# [DIRECTIONS FOR THIS TASK]
Identify all lines below that hold "gauge" and collect them.

Collected data entries:
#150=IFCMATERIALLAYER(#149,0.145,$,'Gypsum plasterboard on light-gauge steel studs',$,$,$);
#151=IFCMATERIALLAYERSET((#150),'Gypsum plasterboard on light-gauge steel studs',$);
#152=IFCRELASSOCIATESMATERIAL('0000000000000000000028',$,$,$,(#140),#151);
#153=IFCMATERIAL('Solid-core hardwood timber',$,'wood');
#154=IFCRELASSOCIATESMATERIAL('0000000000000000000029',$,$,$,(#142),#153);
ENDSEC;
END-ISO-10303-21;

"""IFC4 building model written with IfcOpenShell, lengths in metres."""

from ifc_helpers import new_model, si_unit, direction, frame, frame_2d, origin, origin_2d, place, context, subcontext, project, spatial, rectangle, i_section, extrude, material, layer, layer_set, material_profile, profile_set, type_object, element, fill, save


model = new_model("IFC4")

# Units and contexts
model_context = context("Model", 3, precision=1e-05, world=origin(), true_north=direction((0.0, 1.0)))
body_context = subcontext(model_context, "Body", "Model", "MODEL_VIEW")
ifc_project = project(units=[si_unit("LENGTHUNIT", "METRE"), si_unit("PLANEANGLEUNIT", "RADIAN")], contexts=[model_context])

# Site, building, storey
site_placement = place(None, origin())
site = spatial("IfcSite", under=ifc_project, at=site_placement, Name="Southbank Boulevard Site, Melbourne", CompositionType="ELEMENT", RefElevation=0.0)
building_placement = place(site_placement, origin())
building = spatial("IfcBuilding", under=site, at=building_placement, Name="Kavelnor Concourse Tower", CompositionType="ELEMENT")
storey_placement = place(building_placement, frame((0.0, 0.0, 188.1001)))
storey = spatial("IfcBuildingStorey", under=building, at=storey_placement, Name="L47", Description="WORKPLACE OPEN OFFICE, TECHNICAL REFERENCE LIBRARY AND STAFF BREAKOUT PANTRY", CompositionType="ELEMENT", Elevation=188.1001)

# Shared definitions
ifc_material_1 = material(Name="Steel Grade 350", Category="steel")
--
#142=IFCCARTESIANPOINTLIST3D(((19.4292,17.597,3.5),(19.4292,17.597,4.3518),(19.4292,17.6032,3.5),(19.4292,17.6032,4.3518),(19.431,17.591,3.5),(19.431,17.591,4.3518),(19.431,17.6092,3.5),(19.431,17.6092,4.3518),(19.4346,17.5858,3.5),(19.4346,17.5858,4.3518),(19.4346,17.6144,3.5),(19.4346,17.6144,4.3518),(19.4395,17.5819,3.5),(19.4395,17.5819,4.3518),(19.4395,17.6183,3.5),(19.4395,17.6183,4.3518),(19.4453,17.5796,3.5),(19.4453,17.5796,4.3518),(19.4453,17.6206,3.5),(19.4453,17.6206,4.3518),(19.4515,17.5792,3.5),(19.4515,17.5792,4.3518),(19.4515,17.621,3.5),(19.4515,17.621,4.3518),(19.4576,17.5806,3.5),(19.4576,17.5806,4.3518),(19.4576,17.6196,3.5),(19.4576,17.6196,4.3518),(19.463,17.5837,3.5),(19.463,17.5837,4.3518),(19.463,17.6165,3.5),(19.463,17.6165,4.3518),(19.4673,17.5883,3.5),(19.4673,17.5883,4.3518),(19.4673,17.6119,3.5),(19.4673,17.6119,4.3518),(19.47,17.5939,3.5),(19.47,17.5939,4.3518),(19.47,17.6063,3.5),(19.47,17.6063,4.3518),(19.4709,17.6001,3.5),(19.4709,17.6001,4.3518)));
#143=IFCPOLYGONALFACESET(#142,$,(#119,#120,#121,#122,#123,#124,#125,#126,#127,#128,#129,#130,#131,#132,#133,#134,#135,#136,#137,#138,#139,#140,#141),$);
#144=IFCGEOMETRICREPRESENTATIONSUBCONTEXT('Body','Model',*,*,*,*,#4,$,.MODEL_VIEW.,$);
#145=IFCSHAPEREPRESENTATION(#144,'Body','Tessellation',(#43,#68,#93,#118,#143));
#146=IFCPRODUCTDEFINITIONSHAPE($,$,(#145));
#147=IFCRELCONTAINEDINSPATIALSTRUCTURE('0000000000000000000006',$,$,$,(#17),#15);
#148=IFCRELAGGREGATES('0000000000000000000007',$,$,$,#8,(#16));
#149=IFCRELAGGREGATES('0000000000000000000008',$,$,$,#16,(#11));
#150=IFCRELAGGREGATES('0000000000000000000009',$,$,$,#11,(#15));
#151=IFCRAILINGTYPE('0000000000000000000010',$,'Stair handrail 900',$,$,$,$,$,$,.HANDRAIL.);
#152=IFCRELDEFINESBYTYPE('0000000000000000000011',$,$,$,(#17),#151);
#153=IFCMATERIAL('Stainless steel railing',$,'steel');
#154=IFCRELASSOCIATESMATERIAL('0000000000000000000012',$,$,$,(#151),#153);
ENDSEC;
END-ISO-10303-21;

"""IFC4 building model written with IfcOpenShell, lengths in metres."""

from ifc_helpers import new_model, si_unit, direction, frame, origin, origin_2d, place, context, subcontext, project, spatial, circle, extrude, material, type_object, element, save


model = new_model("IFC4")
==
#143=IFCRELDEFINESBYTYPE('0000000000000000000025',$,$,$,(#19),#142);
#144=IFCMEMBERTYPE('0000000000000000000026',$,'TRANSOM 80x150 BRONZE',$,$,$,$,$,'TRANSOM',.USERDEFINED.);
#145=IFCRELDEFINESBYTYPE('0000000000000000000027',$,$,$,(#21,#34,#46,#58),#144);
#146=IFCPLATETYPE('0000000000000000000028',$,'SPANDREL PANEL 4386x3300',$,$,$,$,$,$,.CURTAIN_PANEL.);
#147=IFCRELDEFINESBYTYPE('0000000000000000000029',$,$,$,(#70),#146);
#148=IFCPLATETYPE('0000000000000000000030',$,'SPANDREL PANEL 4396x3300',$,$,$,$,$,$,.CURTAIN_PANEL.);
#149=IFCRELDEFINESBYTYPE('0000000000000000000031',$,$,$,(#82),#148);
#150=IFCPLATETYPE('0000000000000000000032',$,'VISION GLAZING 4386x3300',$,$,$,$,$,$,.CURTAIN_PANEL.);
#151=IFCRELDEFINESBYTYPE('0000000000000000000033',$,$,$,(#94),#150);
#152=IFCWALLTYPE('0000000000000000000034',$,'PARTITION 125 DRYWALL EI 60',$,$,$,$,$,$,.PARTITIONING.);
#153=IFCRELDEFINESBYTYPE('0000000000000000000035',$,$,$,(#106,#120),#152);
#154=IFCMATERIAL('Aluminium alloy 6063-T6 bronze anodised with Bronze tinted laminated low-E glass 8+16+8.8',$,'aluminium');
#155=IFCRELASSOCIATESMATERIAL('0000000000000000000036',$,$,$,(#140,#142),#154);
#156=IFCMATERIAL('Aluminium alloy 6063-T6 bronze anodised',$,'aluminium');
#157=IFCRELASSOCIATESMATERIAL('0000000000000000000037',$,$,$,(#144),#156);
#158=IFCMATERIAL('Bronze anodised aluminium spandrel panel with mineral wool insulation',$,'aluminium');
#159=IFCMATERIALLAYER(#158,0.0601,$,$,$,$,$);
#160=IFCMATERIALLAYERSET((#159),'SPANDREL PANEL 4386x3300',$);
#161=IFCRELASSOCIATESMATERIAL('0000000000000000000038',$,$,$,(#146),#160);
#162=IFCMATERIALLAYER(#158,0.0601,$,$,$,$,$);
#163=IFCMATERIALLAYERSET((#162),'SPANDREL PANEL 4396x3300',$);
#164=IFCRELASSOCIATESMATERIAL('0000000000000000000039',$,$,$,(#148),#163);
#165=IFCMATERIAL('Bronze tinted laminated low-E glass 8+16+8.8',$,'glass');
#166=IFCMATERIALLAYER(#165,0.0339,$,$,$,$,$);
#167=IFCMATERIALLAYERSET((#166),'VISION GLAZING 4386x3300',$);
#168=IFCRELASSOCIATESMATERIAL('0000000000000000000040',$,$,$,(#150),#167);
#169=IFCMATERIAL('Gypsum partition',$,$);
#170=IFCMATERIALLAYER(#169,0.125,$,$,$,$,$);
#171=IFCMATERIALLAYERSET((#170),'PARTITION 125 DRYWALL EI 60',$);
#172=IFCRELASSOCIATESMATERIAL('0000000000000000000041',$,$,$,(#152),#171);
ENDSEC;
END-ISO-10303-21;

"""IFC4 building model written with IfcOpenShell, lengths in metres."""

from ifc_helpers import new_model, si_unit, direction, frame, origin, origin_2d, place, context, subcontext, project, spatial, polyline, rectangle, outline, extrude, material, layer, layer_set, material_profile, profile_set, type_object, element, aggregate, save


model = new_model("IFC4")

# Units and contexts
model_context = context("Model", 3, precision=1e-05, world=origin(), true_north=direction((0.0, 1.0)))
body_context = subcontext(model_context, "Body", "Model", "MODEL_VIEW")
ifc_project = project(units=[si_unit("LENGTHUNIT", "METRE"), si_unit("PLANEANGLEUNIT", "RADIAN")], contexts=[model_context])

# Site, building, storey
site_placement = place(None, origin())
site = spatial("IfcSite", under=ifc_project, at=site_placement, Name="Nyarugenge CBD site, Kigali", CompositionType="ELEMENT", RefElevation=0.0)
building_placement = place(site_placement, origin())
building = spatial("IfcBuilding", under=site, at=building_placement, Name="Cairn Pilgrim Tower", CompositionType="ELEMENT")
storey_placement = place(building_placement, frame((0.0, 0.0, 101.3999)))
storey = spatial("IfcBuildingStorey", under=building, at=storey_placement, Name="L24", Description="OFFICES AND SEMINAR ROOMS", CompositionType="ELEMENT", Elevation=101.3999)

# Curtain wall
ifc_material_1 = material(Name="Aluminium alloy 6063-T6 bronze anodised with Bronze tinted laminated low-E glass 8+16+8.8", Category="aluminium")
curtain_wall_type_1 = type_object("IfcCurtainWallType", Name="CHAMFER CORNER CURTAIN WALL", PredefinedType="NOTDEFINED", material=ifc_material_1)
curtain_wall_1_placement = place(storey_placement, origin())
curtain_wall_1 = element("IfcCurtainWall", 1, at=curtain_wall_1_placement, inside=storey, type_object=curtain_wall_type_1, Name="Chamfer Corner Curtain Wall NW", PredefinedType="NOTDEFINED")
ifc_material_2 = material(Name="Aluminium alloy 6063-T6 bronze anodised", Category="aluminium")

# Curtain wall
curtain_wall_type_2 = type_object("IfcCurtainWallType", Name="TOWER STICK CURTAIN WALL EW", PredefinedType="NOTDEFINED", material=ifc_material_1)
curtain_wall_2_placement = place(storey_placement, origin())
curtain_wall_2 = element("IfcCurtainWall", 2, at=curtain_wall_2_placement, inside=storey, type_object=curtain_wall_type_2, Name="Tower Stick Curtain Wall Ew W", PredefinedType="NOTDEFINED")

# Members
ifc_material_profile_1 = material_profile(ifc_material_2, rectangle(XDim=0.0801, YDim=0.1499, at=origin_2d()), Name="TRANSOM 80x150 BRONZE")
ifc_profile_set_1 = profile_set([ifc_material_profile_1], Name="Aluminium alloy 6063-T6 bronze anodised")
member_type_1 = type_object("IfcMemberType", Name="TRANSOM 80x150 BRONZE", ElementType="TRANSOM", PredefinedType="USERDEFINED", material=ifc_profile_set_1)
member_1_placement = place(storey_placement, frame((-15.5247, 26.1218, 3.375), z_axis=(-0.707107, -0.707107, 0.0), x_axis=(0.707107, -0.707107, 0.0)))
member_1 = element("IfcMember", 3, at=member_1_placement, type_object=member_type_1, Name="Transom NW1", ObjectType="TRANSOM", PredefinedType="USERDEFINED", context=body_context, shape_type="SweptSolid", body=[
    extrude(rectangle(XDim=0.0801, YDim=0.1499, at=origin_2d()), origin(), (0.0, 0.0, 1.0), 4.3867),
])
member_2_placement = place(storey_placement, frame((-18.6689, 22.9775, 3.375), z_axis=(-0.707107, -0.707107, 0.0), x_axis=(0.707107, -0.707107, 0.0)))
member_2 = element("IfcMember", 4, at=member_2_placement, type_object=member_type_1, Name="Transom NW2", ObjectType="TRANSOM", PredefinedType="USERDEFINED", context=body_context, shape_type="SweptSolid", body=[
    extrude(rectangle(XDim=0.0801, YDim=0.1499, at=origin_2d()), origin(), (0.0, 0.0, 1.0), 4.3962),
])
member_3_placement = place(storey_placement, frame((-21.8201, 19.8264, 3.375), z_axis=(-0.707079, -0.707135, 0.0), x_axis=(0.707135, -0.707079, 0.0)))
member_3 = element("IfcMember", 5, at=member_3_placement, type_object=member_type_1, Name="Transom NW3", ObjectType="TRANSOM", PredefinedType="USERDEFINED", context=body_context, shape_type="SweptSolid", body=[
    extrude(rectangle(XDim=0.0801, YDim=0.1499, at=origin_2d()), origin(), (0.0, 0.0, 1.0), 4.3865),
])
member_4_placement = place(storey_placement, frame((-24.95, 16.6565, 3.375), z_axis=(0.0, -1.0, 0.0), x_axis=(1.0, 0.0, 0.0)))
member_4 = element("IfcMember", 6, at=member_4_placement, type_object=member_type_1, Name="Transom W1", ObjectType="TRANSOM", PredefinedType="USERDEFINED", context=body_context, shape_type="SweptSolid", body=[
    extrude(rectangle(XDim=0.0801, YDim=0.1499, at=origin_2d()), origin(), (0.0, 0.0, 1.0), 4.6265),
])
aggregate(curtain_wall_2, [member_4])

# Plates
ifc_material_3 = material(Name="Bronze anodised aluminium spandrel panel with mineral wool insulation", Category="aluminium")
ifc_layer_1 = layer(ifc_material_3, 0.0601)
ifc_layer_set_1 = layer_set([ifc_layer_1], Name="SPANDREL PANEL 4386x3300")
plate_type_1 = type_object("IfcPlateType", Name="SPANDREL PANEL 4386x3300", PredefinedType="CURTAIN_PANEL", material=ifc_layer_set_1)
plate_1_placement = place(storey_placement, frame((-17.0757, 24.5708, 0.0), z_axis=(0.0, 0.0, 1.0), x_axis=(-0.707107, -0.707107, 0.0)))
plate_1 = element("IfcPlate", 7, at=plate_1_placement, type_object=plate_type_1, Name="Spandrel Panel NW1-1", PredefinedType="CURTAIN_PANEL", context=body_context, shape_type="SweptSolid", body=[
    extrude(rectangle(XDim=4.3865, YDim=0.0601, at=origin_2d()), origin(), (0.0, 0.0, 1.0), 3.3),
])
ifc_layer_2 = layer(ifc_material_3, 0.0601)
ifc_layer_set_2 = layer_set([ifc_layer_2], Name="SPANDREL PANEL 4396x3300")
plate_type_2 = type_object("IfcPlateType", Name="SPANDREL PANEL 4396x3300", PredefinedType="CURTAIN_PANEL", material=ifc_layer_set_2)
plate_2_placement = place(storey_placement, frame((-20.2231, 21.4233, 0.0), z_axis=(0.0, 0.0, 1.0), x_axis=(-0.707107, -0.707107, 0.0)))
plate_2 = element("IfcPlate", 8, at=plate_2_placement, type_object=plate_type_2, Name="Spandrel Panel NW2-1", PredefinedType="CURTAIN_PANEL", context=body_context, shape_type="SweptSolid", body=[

# [OUTPUT OF THE EXERCISE]
#150=IFCMATERIALLAYER(#149,0.145,$,'Gypsum plasterboard on light-gauge steel studs',$,$,$);
#151=IFCMATERIALLAYERSET((#150),'Gypsum plasterboard on light-gauge steel studs',$);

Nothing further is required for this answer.